TASK ITEM:
Please show every line from the entries that carries the word "direction".

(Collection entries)
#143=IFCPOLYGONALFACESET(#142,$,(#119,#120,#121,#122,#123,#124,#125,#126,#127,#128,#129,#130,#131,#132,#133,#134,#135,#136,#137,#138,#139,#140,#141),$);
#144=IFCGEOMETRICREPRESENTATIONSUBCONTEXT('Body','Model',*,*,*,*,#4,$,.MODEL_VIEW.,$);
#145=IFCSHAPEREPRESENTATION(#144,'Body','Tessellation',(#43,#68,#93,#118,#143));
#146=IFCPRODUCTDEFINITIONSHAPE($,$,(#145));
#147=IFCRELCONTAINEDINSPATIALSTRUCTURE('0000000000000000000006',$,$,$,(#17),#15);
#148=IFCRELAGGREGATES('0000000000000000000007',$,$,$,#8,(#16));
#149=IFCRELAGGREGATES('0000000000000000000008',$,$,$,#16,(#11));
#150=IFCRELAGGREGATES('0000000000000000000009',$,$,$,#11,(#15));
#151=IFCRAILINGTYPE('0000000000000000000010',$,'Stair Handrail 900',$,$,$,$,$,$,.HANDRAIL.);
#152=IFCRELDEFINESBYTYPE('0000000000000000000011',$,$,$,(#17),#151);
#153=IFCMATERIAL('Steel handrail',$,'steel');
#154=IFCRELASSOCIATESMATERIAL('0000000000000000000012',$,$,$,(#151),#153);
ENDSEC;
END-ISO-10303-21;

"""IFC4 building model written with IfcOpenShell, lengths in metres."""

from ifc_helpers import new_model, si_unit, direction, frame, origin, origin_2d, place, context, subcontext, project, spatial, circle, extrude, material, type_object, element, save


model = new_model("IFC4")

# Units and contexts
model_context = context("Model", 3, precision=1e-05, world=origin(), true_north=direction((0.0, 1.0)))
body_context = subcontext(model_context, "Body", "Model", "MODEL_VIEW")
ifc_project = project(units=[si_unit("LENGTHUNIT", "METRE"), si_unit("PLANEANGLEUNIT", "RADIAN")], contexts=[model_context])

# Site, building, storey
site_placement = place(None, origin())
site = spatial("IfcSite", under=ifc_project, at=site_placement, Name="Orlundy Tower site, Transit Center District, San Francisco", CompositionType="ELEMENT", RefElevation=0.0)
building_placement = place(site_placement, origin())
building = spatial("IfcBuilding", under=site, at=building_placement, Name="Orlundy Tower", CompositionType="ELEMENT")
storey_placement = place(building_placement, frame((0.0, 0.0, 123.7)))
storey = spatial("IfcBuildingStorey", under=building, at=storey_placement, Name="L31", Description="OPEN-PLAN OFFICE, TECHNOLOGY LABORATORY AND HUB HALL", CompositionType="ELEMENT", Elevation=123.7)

TASK RESULT:
from ifc_helpers import new_model, si_unit, direction, frame, origin, origin_2d, place, context, subcontext, project, spatial, circle, extrude, material, type_object, element, save
model_context = context("Model", 3, precision=1e-05, world=origin(), true_north=direction((0.0, 1.0)))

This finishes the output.